Activity | The records below hold a stretch from the line with "#13=IFCAXIS2PLACEMENT3D(#12,$,$);" through the line with "#37=IFCINDEXEDPOLYGONALFACE((5,6,8,7));"; return exactly those lines, ends included, and nothing more.
********************
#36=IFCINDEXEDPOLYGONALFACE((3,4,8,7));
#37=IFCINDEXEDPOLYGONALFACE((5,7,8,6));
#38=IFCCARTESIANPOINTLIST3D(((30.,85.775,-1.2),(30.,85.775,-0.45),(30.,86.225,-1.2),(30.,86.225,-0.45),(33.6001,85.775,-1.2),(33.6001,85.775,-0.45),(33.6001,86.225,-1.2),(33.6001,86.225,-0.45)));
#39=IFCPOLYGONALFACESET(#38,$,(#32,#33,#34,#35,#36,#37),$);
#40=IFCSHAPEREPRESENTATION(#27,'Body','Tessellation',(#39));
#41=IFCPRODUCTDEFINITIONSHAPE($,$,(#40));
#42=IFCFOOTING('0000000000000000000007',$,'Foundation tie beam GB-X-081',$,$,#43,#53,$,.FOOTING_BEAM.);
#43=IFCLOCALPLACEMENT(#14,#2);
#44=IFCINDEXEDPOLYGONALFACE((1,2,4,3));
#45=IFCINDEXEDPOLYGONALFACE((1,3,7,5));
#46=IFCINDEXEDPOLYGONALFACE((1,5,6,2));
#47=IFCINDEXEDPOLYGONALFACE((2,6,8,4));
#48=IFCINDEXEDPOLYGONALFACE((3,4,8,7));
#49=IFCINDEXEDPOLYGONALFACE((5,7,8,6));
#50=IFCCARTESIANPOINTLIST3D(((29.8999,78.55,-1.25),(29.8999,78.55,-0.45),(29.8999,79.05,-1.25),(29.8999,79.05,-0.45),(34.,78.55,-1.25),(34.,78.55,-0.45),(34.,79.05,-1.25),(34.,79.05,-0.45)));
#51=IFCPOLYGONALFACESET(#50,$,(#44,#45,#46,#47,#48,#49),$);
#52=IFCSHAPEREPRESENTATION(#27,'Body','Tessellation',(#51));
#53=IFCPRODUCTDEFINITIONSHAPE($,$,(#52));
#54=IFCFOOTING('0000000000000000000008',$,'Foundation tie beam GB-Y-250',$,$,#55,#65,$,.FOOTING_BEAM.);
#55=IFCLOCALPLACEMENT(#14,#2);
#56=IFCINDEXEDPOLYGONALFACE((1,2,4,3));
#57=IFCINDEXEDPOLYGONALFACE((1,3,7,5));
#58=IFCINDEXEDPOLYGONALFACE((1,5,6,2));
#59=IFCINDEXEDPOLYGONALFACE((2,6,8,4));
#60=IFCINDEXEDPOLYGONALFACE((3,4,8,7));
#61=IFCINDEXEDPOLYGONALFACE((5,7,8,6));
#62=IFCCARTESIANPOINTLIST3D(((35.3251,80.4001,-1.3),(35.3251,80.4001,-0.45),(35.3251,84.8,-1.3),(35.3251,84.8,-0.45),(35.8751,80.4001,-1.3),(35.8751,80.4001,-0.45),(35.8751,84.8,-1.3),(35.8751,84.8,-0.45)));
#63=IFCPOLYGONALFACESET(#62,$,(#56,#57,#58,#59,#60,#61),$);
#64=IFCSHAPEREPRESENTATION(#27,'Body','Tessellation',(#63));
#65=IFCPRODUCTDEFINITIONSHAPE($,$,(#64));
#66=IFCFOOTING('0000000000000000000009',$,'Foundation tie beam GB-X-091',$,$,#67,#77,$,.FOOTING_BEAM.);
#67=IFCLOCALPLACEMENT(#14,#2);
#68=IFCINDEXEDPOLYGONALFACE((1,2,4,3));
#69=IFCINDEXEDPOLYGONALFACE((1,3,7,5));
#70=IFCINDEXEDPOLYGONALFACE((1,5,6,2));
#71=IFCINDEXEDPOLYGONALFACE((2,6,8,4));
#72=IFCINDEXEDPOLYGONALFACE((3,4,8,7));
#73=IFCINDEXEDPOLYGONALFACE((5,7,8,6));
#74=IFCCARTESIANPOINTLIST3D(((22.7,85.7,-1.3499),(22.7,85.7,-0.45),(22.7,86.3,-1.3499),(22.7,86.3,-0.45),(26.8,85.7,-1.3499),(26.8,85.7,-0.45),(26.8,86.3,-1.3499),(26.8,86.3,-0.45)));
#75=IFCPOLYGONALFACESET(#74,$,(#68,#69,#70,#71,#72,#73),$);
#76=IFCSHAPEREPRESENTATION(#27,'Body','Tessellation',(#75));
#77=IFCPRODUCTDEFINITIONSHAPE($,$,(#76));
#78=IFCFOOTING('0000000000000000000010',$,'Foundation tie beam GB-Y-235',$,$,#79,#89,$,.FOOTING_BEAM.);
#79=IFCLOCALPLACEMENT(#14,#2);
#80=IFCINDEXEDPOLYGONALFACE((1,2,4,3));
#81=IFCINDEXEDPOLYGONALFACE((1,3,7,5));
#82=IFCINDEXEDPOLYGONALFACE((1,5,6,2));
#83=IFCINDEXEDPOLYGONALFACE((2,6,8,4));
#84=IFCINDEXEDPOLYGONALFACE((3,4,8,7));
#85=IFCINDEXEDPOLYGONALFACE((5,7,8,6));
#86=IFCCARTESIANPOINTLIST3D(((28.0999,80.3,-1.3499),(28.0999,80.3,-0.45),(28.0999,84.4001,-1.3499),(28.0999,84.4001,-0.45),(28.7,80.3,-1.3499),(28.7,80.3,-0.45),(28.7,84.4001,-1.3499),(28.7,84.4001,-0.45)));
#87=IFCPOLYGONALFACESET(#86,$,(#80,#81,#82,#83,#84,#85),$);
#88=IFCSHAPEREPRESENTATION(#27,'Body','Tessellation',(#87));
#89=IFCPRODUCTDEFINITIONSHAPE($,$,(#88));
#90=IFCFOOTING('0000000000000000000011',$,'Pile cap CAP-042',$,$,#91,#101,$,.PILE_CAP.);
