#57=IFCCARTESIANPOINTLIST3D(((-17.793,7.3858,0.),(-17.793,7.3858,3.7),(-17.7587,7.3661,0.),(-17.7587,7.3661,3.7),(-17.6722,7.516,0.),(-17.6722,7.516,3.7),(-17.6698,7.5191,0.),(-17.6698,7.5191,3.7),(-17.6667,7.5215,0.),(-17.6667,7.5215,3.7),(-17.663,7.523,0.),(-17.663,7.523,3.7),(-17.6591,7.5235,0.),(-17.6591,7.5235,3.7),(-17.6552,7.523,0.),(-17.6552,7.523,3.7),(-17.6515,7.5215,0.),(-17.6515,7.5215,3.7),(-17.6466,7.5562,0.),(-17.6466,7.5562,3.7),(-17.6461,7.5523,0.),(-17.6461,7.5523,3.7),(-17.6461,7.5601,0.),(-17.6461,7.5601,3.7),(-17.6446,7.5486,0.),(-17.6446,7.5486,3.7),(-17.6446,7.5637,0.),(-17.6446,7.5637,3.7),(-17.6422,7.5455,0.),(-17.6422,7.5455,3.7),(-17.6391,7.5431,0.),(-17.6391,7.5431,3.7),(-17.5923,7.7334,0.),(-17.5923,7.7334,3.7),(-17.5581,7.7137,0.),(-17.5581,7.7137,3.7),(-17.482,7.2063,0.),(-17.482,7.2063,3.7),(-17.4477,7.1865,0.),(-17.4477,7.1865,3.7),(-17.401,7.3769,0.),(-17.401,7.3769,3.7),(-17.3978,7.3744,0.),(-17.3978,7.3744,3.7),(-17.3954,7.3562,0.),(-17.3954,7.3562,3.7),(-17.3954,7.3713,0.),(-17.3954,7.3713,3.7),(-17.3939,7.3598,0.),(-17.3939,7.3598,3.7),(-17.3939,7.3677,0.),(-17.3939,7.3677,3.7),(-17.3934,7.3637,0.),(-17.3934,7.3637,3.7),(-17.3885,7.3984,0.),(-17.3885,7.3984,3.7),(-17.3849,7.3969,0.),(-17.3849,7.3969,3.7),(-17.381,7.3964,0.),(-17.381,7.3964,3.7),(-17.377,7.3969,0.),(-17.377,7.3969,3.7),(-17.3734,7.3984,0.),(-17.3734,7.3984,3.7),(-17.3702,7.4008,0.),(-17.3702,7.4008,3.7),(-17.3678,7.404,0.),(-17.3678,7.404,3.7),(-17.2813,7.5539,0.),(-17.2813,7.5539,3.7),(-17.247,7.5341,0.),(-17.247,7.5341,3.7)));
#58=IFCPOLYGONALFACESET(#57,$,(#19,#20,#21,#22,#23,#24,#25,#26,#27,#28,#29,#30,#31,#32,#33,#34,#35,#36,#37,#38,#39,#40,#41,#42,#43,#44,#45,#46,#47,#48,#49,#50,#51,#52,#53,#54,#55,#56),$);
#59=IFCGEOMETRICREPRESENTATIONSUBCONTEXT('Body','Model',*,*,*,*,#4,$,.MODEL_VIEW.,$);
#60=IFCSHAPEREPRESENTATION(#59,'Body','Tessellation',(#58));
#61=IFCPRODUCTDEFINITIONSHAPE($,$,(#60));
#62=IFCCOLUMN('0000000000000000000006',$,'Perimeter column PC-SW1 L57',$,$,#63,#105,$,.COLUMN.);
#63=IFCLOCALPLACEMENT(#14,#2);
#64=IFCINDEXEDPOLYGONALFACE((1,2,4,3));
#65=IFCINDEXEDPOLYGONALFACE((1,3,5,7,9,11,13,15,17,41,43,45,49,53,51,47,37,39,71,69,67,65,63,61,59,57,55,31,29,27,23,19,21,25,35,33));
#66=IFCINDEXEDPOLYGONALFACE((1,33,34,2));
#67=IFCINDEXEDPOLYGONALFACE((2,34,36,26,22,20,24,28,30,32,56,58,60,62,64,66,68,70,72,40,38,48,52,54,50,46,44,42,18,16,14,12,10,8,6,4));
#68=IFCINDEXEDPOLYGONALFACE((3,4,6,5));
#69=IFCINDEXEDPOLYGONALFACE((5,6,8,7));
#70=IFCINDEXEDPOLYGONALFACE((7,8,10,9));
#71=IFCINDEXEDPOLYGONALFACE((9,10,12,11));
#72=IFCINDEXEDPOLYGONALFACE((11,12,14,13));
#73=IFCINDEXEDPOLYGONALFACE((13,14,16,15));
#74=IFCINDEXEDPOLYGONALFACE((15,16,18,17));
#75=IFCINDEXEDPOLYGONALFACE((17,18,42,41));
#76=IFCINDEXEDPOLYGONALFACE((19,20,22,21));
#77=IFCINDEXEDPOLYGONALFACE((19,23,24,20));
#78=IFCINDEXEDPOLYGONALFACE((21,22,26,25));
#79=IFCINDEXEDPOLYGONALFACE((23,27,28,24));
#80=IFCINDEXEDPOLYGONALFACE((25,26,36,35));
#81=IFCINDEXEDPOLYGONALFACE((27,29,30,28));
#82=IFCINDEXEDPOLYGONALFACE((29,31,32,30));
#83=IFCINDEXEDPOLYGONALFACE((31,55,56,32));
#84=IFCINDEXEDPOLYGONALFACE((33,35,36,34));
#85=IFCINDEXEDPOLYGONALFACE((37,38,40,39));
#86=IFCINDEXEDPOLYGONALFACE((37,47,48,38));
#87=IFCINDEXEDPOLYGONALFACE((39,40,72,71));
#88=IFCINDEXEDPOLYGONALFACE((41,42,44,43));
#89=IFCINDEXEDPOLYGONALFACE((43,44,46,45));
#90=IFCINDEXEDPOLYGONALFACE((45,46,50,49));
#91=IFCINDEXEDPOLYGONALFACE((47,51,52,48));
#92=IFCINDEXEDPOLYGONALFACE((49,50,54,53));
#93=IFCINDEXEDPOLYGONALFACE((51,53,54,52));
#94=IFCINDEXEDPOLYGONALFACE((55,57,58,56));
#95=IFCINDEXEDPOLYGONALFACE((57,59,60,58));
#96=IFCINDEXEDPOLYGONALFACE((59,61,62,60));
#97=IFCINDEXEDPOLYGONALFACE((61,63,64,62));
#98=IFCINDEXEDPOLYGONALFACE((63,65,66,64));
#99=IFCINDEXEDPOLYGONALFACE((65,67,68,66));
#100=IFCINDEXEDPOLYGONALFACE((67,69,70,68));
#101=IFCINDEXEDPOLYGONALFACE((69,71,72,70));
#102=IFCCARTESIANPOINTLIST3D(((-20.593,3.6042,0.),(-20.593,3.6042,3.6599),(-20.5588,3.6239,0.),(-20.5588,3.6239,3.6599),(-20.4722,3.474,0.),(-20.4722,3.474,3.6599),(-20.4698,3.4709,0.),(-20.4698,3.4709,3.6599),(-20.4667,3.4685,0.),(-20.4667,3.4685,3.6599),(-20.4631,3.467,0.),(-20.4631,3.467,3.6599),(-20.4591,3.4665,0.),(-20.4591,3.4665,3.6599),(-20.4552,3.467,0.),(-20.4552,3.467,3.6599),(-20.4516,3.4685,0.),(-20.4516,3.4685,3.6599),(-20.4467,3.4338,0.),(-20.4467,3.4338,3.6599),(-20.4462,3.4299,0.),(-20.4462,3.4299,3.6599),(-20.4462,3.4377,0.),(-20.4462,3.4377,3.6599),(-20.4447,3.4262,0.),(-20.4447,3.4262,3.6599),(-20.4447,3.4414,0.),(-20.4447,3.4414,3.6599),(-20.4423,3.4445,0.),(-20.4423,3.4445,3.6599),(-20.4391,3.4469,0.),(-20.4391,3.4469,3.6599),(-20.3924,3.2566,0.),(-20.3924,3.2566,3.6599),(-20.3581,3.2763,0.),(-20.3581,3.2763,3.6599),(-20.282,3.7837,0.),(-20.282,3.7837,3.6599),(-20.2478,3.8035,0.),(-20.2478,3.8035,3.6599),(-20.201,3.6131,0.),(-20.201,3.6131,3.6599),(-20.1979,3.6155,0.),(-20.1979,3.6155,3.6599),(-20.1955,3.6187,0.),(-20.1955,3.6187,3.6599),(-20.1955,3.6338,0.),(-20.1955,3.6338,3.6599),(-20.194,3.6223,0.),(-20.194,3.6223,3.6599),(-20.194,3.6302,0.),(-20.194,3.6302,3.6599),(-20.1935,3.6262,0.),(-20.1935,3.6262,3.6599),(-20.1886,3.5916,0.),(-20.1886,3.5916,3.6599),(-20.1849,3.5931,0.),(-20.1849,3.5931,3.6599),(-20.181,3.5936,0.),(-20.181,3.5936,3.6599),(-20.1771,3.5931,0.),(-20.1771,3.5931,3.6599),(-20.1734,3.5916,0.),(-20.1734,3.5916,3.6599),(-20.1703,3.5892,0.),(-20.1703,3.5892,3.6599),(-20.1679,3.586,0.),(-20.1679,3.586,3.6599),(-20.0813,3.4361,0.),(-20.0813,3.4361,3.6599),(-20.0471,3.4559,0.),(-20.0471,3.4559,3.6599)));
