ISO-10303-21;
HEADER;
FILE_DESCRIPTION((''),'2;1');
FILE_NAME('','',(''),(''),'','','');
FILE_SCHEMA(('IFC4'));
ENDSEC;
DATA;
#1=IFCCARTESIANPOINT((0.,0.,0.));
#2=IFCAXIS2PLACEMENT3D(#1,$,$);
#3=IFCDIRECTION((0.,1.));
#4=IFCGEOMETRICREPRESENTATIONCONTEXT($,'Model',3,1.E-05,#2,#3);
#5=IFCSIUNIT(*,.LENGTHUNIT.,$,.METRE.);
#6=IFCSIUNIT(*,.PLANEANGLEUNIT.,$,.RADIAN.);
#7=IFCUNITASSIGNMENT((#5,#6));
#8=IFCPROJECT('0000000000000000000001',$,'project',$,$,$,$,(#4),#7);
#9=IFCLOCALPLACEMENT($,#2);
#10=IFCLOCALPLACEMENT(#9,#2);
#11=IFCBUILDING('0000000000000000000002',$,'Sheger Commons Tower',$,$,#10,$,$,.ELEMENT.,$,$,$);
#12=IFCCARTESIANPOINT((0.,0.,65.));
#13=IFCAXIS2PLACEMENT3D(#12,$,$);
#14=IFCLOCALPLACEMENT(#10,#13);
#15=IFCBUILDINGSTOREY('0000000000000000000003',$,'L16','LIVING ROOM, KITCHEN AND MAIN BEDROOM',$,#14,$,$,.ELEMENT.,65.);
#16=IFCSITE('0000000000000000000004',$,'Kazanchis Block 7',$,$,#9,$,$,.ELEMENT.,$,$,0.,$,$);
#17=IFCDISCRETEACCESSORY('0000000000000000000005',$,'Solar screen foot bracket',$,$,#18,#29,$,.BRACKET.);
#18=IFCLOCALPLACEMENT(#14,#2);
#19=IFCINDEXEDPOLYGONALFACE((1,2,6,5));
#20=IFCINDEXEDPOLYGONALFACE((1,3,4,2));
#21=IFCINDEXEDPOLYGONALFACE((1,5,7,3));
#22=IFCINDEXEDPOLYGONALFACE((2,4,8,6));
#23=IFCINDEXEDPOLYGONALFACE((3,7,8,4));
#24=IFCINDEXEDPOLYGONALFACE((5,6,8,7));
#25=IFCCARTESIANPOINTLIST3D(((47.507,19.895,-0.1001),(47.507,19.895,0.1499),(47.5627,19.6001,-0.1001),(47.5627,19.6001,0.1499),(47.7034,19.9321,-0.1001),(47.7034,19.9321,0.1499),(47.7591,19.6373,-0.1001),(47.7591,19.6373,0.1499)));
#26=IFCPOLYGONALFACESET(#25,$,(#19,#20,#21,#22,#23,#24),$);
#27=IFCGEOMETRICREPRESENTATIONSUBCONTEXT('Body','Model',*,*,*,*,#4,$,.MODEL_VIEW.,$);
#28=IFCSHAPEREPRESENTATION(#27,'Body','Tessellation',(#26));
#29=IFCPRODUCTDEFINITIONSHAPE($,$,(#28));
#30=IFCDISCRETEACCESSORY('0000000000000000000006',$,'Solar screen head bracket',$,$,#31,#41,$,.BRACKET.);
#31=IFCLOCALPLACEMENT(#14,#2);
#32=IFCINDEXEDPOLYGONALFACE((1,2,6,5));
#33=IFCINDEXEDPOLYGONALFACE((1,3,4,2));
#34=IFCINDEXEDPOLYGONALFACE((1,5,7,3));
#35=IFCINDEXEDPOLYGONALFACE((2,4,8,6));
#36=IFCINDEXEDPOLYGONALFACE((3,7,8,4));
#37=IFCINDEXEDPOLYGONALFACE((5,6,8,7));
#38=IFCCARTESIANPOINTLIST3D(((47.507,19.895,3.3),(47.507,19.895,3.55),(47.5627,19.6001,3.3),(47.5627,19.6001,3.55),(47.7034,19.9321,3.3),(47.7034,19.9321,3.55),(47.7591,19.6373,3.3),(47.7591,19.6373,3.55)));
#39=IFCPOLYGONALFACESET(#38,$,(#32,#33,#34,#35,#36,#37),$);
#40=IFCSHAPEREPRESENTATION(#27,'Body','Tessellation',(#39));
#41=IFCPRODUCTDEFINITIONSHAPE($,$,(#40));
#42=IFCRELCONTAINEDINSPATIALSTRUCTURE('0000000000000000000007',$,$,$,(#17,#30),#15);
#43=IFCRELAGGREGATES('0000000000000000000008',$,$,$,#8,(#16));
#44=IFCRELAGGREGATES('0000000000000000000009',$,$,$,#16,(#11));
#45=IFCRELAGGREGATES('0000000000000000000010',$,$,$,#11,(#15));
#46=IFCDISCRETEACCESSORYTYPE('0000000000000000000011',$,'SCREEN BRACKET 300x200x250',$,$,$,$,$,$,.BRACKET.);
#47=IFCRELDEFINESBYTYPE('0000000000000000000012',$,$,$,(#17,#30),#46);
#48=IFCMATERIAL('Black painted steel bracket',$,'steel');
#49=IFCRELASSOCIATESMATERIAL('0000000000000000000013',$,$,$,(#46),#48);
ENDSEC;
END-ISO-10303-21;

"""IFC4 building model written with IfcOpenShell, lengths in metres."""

from ifc_helpers import new_model, si_unit, direction, frame, origin, origin_2d, place, context, subcontext, project, spatial, rectangle, extrude, material, type_object, element, save


model = new_model("IFC4")

# Units and contexts
model_context = context("Model", 3, precision=1e-05, world=origin(), true_north=direction((0.0, 1.0)))
body_context = subcontext(model_context, "Body", "Model", "MODEL_VIEW")
ifc_project = project(units=[si_unit("LENGTHUNIT", "METRE"), si_unit("PLANEANGLEUNIT", "RADIAN")], contexts=[model_context])

# Site, building, storey
site_placement = place(None, origin())
site = spatial("IfcSite", under=ifc_project, at=site_placement, Name="Kazanchis Block 7", CompositionType="ELEMENT", RefElevation=0.0)
building_placement = place(site_placement, origin())
building = spatial("IfcBuilding", under=site, at=building_placement, Name="Sheger Commons Tower", CompositionType="ELEMENT")
storey_placement = place(building_placement, frame((0.0, 0.0, 65.0)))
storey = spatial("IfcBuildingStorey", under=building, at=storey_placement, Name="L16", Description="LIVING ROOM, KITCHEN AND MAIN BEDROOM", CompositionType="ELEMENT", Elevation=65.0)

# Discrete accessories
ifc_material_1 = material(Name="Black painted steel bracket", Category="steel")
discrete_accessory_type = type_object("IfcDiscreteAccessoryType", Name="SCREEN BRACKET 300x200x250", PredefinedType="BRACKET", material=ifc_material_1)
for number, where, z_axis, x_axis, name in (
    (1, (47.6331, 19.7661, -0.1001), (0.0, 0.0, 1.0), (-0.185615, 0.982623, 0.0), "Solar screen foot bracket"),
    (2, (47.6331, 19.7661, 3.3), (0.0, 0.0, 1.0), (-0.185615, 0.982623, 0.0), "Solar screen head bracket"),
):
    element("IfcDiscreteAccessory", number, at=place(storey_placement, frame(where, z_axis=z_axis, x_axis=x_axis)), inside=storey, type_object=discrete_accessory_type, Name=name, PredefinedType="BRACKET", context=body_context, shape_type="SweptSolid", body=[
        extrude(rectangle(XDim=0.3, YDim=0.2, at=origin_2d()), origin(), (0.0, 0.0, 1.0), 0.25),
    ])

save(model, "model.ifc")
********************
Result of the task |
#13=IFCAXIS2PLACEMENT3D(#12,$,$);
#14=IFCLOCALPLACEMENT(#10,#13);
#15=IFCBUILDINGSTOREY('0000000000000000000003',$,'L16','LIVING ROOM, KITCHEN AND MAIN BEDROOM',$,#14,$,$,.ELEMENT.,65.);
#16=IFCSITE('0000000000000000000004',$,'Kazanchis Block 7',$,$,#9,$,$,.ELEMENT.,$,$,0.,$,$);
#17=IFCDISCRETEACCESSORY('0000000000000000000005',$,'Solar screen foot bracket',$,$,#18,#29,$,.BRACKET.);
#18=IFCLOCALPLACEMENT(#14,#2);
#19=IFCINDEXEDPOLYGONALFACE((1,2,6,5));
#20=IFCINDEXEDPOLYGONALFACE((1,3,4,2));
#21=IFCINDEXEDPOLYGONALFACE((1,5,7,3));
#22=IFCINDEXEDPOLYGONALFACE((2,4,8,6));
#23=IFCINDEXEDPOLYGONALFACE((3,7,8,4));
#24=IFCINDEXEDPOLYGONALFACE((5,6,8,7));
#25=IFCCARTESIANPOINTLIST3D(((47.507,19.895,-0.1001),(47.507,19.895,0.1499),(47.5627,19.6001,-0.1001),(47.5627,19.6001,0.1499),(47.7034,19.9321,-0.1001),(47.7034,19.9321,0.1499),(47.7591,19.6373,-0.1001),(47.7591,19.6373,0.1499)));
#26=IFCPOLYGONALFACESET(#25,$,(#19,#20,#21,#22,#23,#24),$);
#27=IFCGEOMETRICREPRESENTATIONSUBCONTEXT('Body','Model',*,*,*,*,#4,$,.MODEL_VIEW.,$);
#28=IFCSHAPEREPRESENTATION(#27,'Body','Tessellation',(#26));
#29=IFCPRODUCTDEFINITIONSHAPE($,$,(#28));
#30=IFCDISCRETEACCESSORY('0000000000000000000006',$,'Solar screen head bracket',$,$,#31,#41,$,.BRACKET.);
#31=IFCLOCALPLACEMENT(#14,#2);
#32=IFCINDEXEDPOLYGONALFACE((1,2,6,5));
#33=IFCINDEXEDPOLYGONALFACE((1,3,4,2));
#34=IFCINDEXEDPOLYGONALFACE((1,5,7,3));
#35=IFCINDEXEDPOLYGONALFACE((2,4,8,6));
#36=IFCINDEXEDPOLYGONALFACE((3,7,8,4));
#37=IFCINDEXEDPOLYGONALFACE((5,6,8,7));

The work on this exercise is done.